- [INSTRUCTIONS FOR THE TASK]:
Below is a listing; restate from it, character for character, the lines beginning at the line holding "#49=IFCPOLYGONALFACESET(#48,$,(#42,#43,#44,#45,#46,#47),$);" and ending at the line holding "#65=IFCPRODUCTDEFINITIONSHAPE($,$,(#64));", both included.

- [LISTED ENTRIES]:

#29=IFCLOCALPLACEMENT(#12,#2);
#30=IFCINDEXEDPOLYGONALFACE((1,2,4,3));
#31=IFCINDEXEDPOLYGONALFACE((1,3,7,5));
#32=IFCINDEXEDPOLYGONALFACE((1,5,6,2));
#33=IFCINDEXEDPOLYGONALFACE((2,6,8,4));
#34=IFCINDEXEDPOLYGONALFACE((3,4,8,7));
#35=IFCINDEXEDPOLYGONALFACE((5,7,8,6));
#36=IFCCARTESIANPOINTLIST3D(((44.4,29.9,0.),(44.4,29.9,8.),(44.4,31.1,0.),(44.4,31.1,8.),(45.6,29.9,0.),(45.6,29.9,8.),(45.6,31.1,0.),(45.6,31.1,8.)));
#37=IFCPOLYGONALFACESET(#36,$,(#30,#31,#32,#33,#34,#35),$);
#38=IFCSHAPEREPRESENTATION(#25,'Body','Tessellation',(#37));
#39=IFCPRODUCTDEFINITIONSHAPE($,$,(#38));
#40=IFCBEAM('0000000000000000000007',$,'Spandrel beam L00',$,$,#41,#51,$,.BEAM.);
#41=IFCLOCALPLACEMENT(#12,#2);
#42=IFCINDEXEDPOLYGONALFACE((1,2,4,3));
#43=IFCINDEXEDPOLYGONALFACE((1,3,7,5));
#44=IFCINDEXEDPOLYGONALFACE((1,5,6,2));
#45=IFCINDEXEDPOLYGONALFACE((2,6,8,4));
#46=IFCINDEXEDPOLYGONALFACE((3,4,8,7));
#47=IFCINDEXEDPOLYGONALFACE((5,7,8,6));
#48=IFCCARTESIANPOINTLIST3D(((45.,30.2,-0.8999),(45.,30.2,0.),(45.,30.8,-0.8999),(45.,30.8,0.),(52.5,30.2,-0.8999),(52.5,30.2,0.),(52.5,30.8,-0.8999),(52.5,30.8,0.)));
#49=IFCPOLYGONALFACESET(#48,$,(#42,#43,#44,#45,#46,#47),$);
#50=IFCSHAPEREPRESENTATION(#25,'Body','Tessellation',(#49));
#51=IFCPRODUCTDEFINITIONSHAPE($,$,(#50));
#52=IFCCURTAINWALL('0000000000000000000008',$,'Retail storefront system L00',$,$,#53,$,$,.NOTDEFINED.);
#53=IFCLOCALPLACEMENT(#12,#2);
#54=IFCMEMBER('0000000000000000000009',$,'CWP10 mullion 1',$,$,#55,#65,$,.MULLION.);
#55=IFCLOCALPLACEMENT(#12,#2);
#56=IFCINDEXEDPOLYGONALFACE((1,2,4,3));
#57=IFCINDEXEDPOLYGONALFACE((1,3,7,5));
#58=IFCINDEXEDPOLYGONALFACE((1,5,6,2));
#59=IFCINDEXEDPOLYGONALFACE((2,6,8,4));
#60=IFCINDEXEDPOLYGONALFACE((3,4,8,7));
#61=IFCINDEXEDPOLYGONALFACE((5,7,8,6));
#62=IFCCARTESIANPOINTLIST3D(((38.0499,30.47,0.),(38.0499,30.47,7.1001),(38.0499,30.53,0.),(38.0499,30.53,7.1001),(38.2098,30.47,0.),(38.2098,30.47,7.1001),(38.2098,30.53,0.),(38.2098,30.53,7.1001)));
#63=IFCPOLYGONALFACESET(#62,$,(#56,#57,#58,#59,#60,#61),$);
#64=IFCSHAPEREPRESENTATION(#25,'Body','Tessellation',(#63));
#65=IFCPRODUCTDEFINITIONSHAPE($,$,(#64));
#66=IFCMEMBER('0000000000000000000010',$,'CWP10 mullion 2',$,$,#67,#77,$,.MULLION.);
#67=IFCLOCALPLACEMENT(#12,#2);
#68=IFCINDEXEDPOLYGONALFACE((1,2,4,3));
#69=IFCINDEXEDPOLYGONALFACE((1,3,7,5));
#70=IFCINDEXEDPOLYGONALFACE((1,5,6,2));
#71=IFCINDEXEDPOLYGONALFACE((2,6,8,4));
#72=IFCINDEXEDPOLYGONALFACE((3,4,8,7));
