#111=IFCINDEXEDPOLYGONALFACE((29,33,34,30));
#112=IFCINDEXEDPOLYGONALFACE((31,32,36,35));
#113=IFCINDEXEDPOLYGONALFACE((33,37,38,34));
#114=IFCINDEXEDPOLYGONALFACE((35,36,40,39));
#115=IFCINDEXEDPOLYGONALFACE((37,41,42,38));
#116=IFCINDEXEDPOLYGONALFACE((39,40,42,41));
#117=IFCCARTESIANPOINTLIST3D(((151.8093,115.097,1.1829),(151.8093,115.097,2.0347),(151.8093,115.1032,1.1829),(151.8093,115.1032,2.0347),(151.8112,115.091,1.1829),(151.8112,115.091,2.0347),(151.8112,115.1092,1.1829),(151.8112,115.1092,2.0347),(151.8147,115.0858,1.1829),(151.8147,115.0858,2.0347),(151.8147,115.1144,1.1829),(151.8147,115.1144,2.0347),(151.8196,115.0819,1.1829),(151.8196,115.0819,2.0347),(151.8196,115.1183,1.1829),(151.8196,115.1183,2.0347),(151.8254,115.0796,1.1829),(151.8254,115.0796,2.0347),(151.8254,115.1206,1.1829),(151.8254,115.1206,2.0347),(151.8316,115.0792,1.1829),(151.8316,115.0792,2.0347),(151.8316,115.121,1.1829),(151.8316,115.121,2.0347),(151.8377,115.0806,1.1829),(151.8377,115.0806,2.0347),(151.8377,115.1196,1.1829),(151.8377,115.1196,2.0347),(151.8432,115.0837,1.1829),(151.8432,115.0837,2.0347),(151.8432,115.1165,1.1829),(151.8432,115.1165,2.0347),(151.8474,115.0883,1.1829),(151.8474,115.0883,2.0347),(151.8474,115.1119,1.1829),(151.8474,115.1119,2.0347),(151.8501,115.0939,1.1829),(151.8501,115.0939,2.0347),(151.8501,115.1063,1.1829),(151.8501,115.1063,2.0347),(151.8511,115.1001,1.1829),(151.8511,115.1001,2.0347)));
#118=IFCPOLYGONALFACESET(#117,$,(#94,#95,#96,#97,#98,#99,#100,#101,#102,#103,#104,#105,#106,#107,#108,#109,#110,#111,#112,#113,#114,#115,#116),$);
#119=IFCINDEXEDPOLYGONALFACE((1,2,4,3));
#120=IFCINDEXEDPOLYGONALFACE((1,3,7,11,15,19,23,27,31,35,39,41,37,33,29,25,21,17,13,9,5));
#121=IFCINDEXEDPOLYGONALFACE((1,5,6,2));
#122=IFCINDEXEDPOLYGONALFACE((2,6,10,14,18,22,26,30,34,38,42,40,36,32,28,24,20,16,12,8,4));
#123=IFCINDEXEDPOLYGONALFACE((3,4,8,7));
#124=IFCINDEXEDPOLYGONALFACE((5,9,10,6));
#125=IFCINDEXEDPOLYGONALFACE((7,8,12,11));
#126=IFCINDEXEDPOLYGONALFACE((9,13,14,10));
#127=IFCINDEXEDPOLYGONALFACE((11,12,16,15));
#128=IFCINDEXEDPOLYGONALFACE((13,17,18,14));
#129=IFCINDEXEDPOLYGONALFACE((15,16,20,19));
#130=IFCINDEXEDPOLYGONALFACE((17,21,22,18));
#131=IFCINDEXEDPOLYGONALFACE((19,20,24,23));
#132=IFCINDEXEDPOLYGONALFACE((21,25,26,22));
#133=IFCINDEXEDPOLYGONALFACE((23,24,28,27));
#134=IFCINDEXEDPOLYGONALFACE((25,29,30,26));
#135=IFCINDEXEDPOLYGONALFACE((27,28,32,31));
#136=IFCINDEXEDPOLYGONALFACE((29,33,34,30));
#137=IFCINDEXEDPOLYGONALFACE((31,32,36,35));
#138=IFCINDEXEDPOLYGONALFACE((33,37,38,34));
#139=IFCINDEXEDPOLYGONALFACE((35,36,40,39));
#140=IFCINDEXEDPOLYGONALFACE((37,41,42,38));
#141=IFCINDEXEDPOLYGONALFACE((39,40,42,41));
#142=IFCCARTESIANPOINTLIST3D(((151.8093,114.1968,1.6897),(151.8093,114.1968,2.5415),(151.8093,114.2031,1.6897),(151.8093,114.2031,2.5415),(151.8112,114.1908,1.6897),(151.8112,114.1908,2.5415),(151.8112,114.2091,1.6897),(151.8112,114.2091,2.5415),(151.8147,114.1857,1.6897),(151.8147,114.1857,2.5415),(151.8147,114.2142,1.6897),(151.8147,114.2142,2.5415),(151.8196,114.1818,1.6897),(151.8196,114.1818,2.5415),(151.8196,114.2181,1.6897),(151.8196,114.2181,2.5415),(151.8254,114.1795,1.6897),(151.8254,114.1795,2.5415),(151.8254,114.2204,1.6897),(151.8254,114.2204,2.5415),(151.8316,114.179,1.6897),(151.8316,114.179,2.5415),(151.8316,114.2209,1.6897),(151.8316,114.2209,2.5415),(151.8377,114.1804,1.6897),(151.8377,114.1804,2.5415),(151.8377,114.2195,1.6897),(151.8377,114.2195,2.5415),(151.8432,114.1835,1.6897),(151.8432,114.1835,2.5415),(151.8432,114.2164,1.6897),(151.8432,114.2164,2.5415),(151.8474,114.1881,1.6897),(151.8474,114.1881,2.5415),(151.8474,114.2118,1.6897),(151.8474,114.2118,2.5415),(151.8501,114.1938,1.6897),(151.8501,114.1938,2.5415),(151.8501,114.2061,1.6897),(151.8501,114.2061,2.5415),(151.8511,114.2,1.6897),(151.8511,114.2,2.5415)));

- [EXERCISE RESULT]:
#49=IFCPOLYGONALFACESET(#48,$,(#42,#43,#44,#45,#46,#47),$);
#50=IFCSHAPEREPRESENTATION(#25,'Body','Tessellation',(#49));
#51=IFCPRODUCTDEFINITIONSHAPE($,$,(#50));
#52=IFCCURTAINWALL('0000000000000000000008',$,'Retail storefront system L00',$,$,#53,$,$,.NOTDEFINED.);
#53=IFCLOCALPLACEMENT(#12,#2);
#54=IFCMEMBER('0000000000000000000009',$,'CWP10 mullion 1',$,$,#55,#65,$,.MULLION.);
#55=IFCLOCALPLACEMENT(#12,#2);
#56=IFCINDEXEDPOLYGONALFACE((1,2,4,3));
#57=IFCINDEXEDPOLYGONALFACE((1,3,7,5));
#58=IFCINDEXEDPOLYGONALFACE((1,5,6,2));
#59=IFCINDEXEDPOLYGONALFACE((2,6,8,4));
#60=IFCINDEXEDPOLYGONALFACE((3,4,8,7));
#61=IFCINDEXEDPOLYGONALFACE((5,7,8,6));
#62=IFCCARTESIANPOINTLIST3D(((38.0499,30.47,0.),(38.0499,30.47,7.1001),(38.0499,30.53,0.),(38.0499,30.53,7.1001),(38.2098,30.47,0.),(38.2098,30.47,7.1001),(38.2098,30.53,0.),(38.2098,30.53,7.1001)));
#63=IFCPOLYGONALFACESET(#62,$,(#56,#57,#58,#59,#60,#61),$);
#64=IFCSHAPEREPRESENTATION(#25,'Body','Tessellation',(#63));
#65=IFCPRODUCTDEFINITIONSHAPE($,$,(#64));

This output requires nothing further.